(Beginning of RECORDS FOR THE TASK)

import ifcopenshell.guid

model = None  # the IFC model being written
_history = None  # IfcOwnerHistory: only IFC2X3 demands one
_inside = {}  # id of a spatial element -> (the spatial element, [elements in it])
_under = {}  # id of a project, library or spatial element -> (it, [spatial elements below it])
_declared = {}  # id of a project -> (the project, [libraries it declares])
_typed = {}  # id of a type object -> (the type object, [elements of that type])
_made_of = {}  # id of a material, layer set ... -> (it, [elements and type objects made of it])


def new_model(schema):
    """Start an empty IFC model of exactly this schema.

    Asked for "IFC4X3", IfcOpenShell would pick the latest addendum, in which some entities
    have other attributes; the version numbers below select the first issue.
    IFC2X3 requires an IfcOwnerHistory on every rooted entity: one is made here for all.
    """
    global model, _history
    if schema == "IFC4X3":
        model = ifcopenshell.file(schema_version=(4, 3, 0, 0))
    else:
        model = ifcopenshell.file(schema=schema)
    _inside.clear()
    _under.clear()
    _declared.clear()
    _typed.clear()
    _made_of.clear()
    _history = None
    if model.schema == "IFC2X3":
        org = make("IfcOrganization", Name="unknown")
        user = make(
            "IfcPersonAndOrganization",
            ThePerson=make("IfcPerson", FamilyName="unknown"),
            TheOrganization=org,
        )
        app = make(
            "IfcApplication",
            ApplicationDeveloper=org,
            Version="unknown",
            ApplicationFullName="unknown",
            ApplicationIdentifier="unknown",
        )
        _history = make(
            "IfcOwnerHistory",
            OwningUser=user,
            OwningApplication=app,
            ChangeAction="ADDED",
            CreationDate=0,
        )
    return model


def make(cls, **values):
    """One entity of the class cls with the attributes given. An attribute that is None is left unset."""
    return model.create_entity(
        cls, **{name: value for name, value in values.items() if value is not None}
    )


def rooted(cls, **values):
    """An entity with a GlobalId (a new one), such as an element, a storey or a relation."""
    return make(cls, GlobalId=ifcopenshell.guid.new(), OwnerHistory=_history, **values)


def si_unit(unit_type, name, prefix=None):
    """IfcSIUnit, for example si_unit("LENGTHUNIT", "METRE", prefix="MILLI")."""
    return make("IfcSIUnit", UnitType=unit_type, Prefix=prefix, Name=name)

(End of RECORDS FOR THE TASK)
(Beginning of RECORDS FOR THE TASK)

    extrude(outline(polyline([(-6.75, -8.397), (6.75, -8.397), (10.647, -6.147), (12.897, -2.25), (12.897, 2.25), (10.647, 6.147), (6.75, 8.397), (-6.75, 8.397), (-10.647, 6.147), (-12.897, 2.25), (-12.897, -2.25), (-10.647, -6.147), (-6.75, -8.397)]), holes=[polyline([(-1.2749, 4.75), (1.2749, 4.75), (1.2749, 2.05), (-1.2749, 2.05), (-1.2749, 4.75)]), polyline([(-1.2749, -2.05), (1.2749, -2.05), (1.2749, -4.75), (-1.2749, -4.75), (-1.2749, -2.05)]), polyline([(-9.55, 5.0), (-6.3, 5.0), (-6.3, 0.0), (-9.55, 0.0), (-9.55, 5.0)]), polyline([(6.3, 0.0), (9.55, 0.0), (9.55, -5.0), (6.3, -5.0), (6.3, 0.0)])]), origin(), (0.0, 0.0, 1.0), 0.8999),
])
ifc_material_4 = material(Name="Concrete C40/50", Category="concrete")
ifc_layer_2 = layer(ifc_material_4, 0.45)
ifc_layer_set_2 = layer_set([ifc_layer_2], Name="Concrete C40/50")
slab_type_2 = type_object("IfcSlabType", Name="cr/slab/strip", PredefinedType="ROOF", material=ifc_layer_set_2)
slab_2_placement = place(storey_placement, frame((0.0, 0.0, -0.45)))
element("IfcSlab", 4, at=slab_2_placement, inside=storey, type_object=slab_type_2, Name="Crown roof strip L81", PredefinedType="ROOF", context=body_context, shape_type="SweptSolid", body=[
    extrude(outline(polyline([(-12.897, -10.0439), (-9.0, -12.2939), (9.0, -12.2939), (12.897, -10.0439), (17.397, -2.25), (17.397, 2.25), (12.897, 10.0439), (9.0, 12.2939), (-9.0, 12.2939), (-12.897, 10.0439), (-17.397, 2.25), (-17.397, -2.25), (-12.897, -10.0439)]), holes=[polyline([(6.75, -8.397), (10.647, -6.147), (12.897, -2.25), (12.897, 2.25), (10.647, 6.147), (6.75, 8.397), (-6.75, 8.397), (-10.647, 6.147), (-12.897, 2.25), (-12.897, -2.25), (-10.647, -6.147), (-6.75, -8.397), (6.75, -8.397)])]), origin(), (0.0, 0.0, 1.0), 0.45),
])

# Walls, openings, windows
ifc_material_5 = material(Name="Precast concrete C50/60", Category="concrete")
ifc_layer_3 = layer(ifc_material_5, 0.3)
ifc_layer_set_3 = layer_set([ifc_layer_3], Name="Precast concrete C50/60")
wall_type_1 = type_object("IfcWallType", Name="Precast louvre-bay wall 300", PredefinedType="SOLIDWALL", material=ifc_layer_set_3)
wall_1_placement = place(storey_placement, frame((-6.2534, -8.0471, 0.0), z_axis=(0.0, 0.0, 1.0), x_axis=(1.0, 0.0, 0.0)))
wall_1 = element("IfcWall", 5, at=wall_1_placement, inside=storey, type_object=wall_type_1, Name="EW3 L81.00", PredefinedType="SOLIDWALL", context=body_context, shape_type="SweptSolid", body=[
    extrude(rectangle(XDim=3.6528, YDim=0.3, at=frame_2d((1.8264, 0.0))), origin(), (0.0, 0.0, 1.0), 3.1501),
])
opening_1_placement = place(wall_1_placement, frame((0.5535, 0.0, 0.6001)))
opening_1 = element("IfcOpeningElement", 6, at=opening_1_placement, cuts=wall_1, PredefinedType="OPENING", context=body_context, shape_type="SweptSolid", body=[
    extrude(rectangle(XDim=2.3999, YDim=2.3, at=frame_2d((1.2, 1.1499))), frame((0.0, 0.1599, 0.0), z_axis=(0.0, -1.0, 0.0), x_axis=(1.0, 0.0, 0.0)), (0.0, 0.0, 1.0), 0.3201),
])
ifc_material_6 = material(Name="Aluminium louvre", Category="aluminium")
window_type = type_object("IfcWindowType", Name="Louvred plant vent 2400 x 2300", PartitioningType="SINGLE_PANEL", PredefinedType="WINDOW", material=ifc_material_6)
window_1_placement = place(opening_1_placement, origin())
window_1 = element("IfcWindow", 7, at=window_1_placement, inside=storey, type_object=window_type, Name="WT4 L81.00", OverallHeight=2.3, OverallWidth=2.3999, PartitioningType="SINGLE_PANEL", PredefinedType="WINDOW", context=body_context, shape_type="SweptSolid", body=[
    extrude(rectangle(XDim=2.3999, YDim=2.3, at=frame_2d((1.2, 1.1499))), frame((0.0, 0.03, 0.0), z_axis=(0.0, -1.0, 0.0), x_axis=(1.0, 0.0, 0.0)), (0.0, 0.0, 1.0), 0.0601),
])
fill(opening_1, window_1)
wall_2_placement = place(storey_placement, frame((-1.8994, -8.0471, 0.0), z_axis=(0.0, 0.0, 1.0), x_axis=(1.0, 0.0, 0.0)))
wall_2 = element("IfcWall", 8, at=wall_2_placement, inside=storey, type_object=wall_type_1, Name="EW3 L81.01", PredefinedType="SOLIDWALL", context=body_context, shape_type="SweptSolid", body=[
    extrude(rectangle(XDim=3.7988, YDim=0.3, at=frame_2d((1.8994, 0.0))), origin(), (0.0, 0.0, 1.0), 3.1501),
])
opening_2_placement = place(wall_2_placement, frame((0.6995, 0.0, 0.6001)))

(End of RECORDS FOR THE TASK)

WORK REQUIRED: For every line in the listing above that contains "clear", copy that line.

SOLUTION:
    _inside.clear()
    _under.clear()
    _declared.clear()
    _typed.clear()
    _made_of.clear()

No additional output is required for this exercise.